Line filter on the word "dogleg": copy each matching line from the entries.

□ □ □ □ □

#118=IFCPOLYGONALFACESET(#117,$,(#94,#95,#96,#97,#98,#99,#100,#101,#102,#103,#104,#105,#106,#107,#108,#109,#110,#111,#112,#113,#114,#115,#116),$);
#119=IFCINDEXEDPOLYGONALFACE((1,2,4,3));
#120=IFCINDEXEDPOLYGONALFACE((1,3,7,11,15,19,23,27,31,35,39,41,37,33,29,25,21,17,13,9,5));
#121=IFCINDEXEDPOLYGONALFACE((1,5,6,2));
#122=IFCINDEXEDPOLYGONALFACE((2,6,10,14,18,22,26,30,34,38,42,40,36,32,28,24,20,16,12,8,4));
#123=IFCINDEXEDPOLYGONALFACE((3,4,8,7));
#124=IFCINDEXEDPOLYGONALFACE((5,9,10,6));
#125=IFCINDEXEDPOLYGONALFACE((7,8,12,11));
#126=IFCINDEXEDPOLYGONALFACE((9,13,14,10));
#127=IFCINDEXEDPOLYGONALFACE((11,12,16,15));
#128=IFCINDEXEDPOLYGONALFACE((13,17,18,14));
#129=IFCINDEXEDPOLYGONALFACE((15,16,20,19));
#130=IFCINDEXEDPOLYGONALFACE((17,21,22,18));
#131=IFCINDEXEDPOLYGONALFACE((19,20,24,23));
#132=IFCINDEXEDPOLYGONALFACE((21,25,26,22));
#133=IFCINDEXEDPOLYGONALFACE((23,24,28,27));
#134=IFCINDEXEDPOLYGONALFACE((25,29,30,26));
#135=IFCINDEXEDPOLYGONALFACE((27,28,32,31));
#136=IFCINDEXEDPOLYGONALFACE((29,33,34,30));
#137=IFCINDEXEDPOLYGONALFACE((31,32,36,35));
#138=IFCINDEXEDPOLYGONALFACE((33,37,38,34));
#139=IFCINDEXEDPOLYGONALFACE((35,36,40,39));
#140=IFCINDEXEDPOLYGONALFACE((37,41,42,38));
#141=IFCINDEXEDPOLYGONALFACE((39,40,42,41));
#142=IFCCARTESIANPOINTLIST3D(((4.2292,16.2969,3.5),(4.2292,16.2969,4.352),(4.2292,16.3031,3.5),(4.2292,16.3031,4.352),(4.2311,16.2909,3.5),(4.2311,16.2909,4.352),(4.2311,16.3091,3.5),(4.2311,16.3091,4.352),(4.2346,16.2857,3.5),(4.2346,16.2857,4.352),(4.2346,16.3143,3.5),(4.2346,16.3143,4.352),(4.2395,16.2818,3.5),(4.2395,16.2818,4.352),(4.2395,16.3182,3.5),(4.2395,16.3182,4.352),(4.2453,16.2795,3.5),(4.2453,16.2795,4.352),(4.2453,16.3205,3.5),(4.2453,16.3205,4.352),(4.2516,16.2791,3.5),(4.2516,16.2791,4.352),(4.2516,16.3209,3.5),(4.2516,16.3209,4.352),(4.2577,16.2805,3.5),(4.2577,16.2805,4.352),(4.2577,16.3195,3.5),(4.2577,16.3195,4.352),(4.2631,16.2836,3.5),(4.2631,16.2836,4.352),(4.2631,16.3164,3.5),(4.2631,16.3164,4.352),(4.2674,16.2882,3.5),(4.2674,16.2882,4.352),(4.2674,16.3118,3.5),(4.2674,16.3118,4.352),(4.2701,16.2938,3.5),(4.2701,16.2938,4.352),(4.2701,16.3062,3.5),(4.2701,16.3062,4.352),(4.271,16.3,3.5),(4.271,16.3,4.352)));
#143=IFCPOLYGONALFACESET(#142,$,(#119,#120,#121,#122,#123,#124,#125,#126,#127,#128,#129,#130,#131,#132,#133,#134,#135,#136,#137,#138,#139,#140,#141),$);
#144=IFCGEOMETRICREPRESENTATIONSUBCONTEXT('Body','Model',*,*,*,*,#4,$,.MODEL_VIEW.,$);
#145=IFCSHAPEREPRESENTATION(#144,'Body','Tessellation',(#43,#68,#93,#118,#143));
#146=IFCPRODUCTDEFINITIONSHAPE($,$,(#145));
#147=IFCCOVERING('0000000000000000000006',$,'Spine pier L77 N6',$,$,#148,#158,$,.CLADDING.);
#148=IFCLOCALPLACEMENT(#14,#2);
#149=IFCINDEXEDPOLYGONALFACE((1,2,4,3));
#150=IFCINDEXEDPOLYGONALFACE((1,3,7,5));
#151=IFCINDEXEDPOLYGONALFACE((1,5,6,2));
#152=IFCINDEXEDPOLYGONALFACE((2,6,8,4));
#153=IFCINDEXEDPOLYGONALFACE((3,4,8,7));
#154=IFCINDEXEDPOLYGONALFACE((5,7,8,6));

□ □ □ □ □

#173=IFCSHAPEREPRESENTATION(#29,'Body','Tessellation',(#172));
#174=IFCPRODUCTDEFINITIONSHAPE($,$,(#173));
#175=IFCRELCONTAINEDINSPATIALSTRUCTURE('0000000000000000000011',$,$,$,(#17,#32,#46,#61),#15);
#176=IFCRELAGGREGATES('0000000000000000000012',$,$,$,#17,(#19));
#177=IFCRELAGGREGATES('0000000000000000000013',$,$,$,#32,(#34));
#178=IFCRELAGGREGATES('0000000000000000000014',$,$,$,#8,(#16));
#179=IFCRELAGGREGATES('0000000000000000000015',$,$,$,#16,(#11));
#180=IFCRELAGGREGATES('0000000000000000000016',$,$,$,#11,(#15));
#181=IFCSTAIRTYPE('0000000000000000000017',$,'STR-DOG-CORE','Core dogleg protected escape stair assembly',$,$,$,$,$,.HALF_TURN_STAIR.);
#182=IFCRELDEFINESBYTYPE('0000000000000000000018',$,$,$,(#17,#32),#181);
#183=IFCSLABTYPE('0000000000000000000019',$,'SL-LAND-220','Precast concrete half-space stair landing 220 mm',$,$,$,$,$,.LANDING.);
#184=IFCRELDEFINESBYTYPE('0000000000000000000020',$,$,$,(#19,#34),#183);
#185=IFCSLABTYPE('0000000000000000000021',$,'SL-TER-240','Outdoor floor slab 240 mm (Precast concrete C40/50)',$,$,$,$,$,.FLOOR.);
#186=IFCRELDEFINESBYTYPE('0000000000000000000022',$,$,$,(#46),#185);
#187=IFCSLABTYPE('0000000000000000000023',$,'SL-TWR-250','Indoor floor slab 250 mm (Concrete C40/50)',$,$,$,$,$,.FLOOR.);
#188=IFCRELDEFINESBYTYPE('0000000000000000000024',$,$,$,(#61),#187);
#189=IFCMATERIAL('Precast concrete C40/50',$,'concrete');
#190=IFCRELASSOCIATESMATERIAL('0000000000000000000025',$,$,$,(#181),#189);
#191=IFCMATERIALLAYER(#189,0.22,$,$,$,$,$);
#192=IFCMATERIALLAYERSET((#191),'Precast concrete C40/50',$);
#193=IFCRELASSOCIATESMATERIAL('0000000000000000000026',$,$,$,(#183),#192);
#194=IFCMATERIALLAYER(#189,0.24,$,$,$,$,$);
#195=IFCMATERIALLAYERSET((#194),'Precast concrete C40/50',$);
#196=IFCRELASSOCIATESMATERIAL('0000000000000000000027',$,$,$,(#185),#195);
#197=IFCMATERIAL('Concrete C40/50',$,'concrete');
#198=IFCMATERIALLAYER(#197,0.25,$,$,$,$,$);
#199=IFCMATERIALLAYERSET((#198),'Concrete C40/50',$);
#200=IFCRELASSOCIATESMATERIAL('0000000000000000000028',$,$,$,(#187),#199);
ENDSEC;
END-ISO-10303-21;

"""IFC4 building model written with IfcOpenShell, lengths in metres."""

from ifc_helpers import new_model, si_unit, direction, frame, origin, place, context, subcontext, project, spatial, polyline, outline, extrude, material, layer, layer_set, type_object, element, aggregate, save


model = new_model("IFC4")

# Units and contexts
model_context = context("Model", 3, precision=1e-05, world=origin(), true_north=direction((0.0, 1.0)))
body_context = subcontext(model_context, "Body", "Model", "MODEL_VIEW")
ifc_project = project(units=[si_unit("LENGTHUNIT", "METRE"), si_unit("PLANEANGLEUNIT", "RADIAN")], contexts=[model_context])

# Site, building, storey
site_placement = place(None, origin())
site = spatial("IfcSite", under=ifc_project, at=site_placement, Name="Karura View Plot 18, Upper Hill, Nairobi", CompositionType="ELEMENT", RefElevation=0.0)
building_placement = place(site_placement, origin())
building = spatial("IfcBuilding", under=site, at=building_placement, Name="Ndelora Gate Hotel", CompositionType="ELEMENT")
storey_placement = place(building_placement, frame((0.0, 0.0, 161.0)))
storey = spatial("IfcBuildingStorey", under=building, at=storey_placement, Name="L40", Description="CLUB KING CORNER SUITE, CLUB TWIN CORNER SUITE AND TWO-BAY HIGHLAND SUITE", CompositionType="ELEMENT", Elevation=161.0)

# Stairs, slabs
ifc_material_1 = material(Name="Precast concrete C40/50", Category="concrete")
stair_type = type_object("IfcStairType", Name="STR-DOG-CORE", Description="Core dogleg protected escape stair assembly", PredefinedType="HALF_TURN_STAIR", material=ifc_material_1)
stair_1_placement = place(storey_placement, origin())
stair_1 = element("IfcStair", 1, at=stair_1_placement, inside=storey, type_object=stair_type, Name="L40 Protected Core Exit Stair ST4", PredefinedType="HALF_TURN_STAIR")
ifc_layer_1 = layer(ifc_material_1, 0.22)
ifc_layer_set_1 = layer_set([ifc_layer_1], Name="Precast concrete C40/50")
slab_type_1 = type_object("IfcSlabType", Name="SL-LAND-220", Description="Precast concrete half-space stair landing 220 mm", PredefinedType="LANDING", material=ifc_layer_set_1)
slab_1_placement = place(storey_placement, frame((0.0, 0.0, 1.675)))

□ □ □ □ □

OUTPUT →
#181=IFCSTAIRTYPE('0000000000000000000017',$,'STR-DOG-CORE','Core dogleg protected escape stair assembly',$,$,$,$,$,.HALF_TURN_STAIR.);
stair_type = type_object("IfcStairType", Name="STR-DOG-CORE", Description="Core dogleg protected escape stair assembly", PredefinedType="HALF_TURN_STAIR", material=ifc_material_1)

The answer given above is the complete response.